** Exercise requirements **
Read the data, and whenever a line holds the word "concrete", report that line.

- - -

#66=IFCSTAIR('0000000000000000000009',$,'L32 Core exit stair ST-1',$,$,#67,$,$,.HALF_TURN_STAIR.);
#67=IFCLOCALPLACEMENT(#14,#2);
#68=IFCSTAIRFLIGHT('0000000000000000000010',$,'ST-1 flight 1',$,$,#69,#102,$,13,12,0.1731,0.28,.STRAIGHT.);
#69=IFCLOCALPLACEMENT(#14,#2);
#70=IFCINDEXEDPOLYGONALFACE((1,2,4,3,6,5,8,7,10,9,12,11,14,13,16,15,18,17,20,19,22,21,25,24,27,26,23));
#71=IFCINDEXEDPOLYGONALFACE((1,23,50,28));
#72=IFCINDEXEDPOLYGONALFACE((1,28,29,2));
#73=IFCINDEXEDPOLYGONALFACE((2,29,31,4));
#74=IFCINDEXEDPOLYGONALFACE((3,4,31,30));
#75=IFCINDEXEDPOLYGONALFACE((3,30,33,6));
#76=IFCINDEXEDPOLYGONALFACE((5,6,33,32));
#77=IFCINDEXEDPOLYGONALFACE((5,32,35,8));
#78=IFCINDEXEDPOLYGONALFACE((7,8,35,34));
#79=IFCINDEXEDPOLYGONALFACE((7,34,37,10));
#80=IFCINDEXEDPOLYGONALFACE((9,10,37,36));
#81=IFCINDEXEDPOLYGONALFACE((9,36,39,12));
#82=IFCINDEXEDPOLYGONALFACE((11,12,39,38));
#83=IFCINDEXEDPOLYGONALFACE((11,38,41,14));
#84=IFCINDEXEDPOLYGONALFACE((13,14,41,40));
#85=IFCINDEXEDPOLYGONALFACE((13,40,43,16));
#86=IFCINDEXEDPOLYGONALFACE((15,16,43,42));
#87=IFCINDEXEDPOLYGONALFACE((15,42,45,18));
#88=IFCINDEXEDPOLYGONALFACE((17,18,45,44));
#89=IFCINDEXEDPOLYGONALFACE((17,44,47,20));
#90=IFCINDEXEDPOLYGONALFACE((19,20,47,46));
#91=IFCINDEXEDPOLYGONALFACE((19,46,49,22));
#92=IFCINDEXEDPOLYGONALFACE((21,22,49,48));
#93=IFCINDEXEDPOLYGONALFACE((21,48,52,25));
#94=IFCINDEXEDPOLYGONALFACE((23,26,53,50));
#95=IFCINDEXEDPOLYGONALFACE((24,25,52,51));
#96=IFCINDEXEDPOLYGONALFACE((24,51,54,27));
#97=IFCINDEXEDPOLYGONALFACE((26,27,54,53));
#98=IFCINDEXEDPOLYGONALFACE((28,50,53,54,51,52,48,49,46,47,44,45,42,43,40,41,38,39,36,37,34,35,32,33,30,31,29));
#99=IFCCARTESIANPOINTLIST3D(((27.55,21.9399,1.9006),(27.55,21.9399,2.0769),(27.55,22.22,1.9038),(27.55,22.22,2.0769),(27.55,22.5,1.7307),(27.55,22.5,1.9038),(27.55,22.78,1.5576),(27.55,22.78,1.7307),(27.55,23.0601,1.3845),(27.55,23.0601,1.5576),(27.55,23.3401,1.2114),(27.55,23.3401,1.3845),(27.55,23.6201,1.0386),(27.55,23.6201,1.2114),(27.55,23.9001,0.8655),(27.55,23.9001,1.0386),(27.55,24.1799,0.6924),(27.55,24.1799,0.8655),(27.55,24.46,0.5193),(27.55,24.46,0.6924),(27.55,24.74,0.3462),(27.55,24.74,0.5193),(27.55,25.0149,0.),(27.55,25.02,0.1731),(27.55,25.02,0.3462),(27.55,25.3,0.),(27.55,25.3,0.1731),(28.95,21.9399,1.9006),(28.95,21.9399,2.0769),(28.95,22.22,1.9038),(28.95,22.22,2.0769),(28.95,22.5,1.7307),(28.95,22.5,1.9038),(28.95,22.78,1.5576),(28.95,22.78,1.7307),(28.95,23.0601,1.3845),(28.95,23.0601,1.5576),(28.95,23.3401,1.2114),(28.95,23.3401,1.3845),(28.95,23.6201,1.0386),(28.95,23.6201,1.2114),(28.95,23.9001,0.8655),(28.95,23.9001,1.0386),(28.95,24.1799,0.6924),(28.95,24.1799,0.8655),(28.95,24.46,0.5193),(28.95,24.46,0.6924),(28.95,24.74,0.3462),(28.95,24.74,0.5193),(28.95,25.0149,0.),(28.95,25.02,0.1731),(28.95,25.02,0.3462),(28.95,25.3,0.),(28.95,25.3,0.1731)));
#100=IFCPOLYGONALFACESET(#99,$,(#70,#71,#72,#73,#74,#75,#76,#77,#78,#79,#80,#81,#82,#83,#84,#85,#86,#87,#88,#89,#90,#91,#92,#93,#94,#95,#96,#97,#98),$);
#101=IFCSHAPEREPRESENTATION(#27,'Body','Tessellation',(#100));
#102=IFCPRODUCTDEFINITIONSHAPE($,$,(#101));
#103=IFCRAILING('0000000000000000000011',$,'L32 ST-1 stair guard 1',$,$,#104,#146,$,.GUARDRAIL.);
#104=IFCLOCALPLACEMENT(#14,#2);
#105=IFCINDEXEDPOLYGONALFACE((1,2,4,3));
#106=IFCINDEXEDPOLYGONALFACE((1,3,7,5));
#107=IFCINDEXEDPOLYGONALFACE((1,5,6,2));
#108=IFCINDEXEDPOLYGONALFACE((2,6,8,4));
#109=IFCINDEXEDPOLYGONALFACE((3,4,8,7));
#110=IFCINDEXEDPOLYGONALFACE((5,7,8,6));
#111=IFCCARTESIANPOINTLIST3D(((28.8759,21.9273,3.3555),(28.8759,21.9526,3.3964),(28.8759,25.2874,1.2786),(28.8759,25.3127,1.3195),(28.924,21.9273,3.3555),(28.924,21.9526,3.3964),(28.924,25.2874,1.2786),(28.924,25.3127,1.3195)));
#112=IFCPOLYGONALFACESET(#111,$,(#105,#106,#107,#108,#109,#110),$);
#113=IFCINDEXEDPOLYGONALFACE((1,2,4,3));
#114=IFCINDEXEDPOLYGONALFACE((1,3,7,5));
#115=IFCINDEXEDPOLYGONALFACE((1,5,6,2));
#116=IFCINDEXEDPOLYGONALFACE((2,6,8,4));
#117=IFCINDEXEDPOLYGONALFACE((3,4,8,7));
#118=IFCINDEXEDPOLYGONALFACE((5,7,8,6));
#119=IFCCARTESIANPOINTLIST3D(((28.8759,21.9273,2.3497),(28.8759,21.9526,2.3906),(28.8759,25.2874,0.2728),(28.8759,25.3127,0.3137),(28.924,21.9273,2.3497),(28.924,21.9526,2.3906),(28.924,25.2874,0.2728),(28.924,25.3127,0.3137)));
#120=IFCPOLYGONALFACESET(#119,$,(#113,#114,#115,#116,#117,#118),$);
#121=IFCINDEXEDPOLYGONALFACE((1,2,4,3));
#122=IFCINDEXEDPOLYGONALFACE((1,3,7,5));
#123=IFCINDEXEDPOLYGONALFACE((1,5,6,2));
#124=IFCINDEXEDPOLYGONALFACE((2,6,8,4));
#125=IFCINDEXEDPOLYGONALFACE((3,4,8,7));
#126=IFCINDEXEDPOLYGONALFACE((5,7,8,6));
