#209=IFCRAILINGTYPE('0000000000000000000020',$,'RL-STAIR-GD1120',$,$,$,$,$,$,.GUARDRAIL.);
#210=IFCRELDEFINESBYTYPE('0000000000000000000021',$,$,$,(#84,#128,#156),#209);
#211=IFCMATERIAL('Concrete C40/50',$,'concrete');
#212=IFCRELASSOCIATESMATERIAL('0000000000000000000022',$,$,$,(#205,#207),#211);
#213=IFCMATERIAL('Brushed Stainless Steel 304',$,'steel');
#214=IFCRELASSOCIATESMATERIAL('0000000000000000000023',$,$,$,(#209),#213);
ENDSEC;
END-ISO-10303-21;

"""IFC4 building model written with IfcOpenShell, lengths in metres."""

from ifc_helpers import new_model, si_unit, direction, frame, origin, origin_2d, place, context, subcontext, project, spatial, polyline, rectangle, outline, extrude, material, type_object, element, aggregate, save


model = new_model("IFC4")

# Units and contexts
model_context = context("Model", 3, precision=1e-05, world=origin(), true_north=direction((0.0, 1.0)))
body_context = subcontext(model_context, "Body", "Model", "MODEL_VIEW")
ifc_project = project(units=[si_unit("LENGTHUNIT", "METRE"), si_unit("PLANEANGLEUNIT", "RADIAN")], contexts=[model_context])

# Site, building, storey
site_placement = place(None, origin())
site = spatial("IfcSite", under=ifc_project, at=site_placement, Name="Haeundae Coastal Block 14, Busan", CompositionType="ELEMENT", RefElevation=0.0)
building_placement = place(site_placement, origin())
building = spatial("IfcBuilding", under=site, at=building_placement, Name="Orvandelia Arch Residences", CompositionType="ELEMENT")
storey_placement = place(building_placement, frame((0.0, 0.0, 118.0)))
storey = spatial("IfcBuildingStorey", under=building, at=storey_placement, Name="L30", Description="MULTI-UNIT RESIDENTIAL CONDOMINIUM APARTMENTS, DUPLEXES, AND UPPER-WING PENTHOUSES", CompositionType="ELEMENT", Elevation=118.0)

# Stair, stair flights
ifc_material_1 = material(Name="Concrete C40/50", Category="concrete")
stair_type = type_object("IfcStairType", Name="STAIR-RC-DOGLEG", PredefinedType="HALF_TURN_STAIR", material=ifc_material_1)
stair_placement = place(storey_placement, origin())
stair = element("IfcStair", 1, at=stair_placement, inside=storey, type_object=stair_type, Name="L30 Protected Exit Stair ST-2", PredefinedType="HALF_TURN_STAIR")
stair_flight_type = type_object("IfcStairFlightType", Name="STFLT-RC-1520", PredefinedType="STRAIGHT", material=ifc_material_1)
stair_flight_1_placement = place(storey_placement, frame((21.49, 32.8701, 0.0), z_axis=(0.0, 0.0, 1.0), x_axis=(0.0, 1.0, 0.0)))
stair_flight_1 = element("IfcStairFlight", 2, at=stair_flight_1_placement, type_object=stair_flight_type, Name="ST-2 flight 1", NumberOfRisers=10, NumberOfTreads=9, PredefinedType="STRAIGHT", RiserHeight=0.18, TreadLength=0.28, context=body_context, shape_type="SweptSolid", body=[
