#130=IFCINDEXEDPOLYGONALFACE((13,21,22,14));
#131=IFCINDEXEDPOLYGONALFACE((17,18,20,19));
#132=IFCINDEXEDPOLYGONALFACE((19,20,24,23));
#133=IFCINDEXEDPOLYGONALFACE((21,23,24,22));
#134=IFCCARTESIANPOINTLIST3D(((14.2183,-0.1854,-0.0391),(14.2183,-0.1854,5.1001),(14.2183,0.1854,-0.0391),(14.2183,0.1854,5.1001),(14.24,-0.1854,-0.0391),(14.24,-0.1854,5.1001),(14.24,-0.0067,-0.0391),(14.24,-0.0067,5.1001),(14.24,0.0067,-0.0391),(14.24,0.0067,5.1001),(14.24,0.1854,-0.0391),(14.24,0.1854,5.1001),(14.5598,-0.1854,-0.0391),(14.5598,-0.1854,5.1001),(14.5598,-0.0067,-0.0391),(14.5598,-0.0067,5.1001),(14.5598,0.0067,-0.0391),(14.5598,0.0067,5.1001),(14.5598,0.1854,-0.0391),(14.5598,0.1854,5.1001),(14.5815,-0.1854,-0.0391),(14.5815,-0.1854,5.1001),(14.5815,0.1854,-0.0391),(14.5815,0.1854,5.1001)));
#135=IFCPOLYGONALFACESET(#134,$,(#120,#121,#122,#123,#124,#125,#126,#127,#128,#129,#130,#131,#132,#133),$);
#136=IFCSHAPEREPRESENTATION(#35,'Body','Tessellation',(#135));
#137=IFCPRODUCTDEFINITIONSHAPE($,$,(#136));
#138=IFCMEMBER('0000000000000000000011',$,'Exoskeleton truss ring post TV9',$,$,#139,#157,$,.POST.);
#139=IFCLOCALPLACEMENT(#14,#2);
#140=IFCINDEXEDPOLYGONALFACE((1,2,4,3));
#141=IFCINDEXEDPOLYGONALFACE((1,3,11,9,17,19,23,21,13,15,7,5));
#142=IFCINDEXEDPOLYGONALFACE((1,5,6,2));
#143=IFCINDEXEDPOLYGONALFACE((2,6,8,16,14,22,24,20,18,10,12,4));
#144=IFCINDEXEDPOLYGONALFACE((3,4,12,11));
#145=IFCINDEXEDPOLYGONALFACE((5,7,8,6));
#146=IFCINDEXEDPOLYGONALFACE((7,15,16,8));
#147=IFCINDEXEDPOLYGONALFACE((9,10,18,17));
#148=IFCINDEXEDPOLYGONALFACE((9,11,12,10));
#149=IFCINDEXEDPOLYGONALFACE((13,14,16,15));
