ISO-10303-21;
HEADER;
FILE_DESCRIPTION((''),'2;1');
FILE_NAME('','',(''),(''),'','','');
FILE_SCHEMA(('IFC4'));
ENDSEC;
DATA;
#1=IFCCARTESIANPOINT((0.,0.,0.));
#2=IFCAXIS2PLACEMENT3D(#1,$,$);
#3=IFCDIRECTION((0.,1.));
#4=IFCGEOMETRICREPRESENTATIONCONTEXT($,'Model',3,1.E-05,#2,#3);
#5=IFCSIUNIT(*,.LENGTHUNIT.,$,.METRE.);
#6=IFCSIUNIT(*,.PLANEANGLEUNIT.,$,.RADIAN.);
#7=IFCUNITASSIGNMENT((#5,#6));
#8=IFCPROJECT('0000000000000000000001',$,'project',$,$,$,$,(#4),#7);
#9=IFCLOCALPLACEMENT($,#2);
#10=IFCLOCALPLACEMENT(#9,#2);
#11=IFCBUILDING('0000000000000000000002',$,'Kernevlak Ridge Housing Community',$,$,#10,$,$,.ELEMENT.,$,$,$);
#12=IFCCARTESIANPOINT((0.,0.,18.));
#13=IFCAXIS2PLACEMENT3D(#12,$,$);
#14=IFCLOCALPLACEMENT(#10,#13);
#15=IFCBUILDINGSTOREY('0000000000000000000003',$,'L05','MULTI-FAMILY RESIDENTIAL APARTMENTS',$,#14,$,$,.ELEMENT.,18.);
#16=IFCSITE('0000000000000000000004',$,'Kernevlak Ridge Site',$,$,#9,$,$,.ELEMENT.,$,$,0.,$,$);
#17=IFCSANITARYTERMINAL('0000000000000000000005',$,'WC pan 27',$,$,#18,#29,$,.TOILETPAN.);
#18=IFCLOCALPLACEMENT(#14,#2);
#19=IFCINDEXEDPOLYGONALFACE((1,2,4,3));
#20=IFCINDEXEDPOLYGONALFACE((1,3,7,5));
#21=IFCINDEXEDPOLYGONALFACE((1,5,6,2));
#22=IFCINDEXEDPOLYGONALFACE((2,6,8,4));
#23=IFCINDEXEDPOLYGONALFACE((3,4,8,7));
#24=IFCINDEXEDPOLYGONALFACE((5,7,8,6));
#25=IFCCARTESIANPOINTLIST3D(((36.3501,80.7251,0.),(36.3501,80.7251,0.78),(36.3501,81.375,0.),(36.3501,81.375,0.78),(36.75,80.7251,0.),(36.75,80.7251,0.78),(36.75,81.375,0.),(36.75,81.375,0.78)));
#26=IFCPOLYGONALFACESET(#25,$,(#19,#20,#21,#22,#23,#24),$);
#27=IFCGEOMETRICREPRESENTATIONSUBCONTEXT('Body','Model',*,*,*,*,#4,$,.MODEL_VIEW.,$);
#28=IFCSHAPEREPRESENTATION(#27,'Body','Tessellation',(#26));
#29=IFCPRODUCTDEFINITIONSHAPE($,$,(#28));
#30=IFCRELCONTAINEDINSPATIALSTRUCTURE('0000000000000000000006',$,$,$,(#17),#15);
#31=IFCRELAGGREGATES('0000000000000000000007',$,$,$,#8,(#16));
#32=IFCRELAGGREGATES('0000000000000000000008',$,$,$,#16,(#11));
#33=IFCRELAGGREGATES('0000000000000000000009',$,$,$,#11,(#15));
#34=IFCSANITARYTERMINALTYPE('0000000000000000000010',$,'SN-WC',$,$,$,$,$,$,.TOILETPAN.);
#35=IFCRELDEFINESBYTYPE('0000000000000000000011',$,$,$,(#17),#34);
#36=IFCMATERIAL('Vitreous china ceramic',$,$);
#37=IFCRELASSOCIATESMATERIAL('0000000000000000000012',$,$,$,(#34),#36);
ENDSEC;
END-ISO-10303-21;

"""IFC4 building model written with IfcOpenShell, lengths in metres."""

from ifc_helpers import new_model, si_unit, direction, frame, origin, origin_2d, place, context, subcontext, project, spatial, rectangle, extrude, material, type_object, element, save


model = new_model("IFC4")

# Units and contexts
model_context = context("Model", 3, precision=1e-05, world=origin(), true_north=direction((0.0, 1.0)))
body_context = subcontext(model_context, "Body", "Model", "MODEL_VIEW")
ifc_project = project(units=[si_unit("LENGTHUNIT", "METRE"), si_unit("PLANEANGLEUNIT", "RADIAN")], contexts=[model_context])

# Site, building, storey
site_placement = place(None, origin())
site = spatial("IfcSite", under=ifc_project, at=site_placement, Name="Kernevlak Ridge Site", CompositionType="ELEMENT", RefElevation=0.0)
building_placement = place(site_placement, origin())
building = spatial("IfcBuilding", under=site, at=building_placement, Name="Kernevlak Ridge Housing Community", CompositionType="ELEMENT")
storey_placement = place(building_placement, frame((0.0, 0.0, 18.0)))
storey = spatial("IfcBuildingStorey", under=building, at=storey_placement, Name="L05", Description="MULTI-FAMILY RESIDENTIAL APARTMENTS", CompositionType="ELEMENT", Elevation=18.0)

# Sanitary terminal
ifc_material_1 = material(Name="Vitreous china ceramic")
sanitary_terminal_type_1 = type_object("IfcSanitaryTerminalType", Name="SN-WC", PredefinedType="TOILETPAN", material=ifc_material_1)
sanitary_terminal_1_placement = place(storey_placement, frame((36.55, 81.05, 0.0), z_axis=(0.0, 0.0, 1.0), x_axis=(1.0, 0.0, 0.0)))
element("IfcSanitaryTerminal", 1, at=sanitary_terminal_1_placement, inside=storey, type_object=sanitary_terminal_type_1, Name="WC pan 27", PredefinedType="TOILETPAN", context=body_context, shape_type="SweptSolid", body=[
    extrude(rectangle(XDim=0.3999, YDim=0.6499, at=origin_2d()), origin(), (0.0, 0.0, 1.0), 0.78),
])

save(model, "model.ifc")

- - -

** Solution to this problem **
#211=IFCMATERIAL('Concrete C40/50',$,'concrete');
ifc_material_1 = material(Name="Concrete C40/50", Category="concrete")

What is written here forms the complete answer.